**What you will do:**
The answer must be a single number: the count of lines in these records that hold "BEAM".

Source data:

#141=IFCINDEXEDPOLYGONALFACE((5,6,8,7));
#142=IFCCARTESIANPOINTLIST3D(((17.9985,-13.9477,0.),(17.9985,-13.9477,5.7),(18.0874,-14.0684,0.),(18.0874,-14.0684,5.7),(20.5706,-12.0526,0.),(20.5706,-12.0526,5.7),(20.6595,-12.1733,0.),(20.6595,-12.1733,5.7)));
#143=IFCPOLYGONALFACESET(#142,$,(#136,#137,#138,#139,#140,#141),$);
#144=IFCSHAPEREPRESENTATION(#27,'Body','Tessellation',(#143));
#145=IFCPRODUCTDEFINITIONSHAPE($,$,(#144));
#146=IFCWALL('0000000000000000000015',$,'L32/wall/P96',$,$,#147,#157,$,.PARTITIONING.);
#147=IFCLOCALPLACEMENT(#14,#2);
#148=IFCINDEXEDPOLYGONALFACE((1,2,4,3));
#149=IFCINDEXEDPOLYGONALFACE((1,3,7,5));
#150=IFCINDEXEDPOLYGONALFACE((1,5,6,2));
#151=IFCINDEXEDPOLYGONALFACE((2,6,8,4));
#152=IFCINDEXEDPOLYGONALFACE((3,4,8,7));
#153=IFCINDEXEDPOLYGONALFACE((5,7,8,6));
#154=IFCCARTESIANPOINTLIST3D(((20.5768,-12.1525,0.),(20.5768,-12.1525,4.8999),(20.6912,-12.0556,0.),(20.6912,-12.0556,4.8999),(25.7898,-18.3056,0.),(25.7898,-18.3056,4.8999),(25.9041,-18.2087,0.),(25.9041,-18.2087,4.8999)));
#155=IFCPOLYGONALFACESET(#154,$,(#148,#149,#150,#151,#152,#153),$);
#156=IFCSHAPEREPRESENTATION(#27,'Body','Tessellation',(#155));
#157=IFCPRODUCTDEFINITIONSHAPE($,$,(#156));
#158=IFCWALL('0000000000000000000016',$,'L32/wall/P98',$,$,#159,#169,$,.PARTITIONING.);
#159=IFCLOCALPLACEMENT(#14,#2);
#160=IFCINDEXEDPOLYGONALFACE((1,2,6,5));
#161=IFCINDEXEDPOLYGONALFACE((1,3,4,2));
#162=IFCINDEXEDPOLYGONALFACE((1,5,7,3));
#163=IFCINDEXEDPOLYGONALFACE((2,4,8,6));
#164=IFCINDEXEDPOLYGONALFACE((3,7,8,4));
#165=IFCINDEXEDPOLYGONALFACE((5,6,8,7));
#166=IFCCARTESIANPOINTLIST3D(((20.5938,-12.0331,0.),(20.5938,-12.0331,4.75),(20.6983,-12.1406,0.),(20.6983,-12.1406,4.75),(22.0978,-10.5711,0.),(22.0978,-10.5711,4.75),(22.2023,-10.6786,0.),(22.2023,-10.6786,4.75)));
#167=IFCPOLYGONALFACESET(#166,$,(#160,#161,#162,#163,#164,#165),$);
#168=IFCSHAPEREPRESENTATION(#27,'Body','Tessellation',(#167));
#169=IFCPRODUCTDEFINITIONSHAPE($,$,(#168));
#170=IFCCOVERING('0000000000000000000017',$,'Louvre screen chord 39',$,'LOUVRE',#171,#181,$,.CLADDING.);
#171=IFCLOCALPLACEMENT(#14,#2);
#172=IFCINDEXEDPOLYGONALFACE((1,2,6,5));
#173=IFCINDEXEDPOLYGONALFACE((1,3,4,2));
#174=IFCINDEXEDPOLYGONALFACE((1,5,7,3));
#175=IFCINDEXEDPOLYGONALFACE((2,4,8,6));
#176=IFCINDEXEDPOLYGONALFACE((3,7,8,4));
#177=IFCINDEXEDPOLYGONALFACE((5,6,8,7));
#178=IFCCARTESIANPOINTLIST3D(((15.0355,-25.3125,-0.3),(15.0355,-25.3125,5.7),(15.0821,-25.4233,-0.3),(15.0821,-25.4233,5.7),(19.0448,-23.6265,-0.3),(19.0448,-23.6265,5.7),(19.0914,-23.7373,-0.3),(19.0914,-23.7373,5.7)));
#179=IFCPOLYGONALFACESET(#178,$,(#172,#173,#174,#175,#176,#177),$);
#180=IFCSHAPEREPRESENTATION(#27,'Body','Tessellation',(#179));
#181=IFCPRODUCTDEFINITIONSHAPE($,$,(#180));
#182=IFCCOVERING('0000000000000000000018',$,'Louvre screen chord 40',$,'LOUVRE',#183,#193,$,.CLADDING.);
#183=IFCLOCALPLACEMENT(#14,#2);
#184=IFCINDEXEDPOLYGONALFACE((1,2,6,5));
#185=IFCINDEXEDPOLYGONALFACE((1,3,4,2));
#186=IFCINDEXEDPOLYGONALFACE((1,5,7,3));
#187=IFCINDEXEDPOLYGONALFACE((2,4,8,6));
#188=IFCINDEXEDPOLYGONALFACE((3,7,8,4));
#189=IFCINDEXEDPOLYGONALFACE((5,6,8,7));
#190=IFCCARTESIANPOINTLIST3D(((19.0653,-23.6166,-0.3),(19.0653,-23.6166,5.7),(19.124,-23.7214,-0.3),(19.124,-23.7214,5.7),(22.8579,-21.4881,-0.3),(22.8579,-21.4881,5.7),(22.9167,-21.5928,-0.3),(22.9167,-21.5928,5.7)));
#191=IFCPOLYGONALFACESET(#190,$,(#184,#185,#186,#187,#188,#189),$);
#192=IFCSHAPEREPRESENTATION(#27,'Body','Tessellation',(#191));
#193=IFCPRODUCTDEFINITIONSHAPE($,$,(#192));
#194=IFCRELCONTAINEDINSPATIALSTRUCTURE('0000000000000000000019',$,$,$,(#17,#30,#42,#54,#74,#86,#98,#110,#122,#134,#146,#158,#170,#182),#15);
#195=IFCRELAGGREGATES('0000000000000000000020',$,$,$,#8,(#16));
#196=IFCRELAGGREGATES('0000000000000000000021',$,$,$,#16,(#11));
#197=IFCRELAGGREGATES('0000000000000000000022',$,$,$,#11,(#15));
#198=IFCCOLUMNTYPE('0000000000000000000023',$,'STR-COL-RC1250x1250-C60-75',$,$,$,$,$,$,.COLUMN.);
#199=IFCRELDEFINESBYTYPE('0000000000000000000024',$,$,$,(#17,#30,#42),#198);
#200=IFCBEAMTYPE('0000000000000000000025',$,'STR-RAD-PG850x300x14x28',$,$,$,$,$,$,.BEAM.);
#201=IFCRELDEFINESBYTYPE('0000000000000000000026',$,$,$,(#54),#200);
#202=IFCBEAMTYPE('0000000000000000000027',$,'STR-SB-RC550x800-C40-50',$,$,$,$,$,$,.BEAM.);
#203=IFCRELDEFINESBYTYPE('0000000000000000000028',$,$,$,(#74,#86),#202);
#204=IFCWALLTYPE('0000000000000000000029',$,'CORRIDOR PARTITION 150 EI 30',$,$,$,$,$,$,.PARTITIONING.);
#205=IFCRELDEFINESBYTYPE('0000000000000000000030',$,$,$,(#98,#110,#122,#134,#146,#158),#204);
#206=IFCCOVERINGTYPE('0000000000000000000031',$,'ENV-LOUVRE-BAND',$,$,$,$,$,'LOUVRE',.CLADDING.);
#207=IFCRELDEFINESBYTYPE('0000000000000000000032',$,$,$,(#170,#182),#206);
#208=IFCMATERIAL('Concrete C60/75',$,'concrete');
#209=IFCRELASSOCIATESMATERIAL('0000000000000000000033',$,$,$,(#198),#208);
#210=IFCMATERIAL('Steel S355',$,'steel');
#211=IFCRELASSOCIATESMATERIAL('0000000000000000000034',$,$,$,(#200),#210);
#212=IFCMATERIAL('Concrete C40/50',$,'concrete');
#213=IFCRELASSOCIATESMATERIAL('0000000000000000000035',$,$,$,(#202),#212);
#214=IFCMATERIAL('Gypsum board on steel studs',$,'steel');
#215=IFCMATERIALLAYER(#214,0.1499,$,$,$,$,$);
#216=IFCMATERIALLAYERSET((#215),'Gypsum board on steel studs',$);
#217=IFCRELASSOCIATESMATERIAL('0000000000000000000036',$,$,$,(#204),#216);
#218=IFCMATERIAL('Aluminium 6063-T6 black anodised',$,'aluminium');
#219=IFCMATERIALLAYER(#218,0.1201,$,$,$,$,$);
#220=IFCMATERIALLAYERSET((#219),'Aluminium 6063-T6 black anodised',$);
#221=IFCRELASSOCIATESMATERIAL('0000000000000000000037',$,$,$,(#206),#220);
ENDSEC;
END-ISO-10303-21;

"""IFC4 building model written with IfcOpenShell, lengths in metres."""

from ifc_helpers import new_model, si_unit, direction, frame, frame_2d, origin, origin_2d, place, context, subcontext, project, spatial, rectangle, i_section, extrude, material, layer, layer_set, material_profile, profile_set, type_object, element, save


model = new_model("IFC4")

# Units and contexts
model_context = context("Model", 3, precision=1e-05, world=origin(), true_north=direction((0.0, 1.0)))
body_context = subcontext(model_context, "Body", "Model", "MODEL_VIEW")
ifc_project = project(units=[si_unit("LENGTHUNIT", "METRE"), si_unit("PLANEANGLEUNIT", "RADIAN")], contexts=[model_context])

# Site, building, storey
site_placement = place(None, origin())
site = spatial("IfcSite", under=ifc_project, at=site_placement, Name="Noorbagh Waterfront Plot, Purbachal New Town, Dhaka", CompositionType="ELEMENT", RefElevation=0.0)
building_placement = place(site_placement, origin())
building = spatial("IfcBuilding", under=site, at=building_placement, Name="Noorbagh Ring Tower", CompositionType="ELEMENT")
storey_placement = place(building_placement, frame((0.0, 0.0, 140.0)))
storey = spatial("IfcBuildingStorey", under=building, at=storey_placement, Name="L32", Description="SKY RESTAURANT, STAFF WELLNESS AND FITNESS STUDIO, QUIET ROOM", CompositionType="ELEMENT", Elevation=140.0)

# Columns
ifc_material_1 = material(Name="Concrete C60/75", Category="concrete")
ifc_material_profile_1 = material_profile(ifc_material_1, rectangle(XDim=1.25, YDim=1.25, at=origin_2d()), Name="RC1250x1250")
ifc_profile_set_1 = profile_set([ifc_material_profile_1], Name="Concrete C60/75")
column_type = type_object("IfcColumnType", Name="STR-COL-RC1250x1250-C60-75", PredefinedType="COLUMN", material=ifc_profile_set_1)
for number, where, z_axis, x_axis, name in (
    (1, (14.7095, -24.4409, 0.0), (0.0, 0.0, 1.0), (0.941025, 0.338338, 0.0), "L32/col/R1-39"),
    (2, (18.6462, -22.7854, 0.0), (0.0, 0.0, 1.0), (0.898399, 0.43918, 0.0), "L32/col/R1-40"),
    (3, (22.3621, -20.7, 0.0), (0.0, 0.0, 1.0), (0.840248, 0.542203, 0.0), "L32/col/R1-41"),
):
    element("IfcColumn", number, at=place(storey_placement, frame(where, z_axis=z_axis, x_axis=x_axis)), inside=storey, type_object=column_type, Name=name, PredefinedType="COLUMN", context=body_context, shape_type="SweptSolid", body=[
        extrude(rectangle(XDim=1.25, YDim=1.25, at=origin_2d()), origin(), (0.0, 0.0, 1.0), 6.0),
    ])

**Task response:**
2